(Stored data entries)
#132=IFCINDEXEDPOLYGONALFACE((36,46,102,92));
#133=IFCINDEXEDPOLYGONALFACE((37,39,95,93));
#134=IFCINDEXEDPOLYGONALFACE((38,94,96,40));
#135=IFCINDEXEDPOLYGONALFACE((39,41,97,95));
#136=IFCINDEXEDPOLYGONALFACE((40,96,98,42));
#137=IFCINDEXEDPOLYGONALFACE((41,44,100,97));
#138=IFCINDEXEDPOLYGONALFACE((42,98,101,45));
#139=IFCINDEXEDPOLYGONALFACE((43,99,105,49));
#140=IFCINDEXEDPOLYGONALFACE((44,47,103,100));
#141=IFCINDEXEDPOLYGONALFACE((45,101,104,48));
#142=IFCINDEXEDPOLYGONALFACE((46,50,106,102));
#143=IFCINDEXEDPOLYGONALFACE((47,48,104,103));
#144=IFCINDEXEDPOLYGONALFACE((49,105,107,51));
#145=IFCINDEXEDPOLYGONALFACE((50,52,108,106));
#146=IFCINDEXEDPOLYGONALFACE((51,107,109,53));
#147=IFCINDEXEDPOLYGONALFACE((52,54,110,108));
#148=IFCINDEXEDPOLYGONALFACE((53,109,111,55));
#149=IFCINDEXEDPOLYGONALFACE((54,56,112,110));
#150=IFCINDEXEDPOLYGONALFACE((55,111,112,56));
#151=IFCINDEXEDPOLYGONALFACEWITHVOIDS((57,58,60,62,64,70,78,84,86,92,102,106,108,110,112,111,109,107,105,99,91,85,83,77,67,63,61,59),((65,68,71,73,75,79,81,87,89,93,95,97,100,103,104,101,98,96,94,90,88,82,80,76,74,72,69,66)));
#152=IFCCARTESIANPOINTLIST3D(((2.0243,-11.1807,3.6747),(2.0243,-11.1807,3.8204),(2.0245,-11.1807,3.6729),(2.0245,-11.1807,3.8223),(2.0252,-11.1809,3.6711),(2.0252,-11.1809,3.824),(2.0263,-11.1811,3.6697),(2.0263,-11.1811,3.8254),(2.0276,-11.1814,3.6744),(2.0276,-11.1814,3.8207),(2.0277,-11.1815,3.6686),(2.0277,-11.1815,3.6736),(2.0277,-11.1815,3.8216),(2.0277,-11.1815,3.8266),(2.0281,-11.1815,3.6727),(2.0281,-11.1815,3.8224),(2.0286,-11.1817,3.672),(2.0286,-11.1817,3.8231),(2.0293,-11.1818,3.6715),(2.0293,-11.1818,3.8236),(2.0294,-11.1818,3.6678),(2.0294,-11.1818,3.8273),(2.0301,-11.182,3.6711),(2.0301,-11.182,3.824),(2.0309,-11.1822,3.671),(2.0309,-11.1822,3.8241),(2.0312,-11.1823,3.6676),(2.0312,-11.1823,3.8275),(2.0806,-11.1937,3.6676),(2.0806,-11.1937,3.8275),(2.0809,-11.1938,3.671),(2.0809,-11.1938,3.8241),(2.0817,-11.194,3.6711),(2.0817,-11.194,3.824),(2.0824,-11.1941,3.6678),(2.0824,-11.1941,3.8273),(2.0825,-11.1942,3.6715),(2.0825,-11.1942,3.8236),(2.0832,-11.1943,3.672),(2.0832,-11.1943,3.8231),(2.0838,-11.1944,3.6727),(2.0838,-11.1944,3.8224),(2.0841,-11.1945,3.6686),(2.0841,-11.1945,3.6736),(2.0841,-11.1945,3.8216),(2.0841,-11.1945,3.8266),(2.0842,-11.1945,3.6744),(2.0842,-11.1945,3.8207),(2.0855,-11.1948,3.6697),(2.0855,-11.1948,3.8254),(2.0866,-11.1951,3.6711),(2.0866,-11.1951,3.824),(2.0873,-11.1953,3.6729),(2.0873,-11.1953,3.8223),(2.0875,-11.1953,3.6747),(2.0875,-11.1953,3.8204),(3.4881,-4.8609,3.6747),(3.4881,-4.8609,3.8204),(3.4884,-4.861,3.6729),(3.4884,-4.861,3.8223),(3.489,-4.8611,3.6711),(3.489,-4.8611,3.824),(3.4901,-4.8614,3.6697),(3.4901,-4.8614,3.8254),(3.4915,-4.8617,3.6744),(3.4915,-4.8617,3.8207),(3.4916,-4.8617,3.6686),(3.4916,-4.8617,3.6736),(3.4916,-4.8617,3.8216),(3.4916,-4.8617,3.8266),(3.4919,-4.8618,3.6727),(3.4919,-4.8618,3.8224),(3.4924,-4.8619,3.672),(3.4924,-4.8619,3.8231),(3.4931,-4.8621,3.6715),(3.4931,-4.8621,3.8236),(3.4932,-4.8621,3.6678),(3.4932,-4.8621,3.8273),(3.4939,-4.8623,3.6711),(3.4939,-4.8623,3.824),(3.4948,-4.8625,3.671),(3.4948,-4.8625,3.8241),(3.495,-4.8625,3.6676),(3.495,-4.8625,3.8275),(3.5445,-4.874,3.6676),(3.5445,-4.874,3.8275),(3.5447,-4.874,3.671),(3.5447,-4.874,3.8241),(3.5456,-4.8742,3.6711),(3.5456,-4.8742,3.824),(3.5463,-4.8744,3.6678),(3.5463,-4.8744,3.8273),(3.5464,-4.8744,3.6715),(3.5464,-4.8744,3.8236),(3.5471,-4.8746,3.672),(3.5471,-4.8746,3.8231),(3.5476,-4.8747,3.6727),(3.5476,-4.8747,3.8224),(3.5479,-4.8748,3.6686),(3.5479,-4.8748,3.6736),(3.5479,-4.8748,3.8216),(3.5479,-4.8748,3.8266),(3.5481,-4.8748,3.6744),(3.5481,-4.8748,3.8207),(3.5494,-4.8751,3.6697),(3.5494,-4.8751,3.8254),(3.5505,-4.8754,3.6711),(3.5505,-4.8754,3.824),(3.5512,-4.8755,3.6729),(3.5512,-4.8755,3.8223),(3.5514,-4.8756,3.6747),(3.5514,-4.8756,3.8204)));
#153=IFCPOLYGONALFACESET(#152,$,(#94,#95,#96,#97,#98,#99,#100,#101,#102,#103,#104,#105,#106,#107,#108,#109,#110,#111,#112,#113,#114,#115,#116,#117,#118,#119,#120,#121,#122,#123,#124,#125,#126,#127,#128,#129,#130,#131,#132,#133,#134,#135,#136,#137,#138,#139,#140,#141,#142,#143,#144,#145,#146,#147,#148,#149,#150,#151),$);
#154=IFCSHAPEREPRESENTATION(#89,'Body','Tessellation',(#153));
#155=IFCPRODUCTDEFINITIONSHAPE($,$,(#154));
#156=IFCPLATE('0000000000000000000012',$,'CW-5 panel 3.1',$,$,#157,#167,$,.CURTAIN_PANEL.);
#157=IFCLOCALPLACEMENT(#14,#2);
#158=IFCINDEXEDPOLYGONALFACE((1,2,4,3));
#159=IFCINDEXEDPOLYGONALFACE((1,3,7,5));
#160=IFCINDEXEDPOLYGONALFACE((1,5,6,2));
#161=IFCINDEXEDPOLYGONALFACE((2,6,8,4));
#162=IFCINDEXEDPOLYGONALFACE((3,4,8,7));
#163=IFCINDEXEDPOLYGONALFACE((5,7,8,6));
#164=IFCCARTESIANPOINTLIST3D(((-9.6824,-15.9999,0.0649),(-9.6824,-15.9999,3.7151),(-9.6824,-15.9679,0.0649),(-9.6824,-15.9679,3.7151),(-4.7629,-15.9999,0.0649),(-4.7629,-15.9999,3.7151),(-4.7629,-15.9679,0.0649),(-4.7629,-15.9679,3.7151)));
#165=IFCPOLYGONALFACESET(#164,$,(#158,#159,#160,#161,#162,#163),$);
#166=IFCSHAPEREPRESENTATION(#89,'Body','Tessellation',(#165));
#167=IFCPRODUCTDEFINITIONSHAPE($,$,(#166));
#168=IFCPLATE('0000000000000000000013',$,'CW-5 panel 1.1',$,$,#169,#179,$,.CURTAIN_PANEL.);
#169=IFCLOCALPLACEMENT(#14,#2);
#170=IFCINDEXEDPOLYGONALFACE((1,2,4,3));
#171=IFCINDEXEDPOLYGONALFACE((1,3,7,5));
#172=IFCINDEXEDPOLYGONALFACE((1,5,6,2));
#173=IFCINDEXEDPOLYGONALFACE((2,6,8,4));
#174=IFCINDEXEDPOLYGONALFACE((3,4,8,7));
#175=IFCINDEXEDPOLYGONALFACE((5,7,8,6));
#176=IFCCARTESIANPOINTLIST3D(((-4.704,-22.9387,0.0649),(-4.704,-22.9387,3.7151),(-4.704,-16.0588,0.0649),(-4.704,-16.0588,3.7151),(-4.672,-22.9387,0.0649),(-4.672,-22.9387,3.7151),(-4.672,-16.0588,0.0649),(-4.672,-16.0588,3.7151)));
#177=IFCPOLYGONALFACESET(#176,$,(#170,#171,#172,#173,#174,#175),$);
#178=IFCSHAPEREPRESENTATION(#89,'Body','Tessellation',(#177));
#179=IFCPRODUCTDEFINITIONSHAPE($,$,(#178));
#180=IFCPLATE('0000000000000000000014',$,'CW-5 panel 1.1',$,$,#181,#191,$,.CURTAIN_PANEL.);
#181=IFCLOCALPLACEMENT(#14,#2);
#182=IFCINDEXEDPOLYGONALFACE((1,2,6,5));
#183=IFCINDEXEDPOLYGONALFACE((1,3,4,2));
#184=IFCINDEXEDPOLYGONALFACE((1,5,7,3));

#### AIM OF THE EXERCISE:
Exactly as they appear above, output the lines of the data from the first through the one that contains "#142=IFCINDEXEDPOLYGONALFACE((46,50,106,102));", and only those lines.

#### OUTPUT FOR THIS EXERCISE:
#132=IFCINDEXEDPOLYGONALFACE((36,46,102,92));
#133=IFCINDEXEDPOLYGONALFACE((37,39,95,93));
#134=IFCINDEXEDPOLYGONALFACE((38,94,96,40));
#135=IFCINDEXEDPOLYGONALFACE((39,41,97,95));
#136=IFCINDEXEDPOLYGONALFACE((40,96,98,42));
#137=IFCINDEXEDPOLYGONALFACE((41,44,100,97));
#138=IFCINDEXEDPOLYGONALFACE((42,98,101,45));
#139=IFCINDEXEDPOLYGONALFACE((43,99,105,49));
#140=IFCINDEXEDPOLYGONALFACE((44,47,103,100));
#141=IFCINDEXEDPOLYGONALFACE((45,101,104,48));
#142=IFCINDEXEDPOLYGONALFACE((46,50,106,102));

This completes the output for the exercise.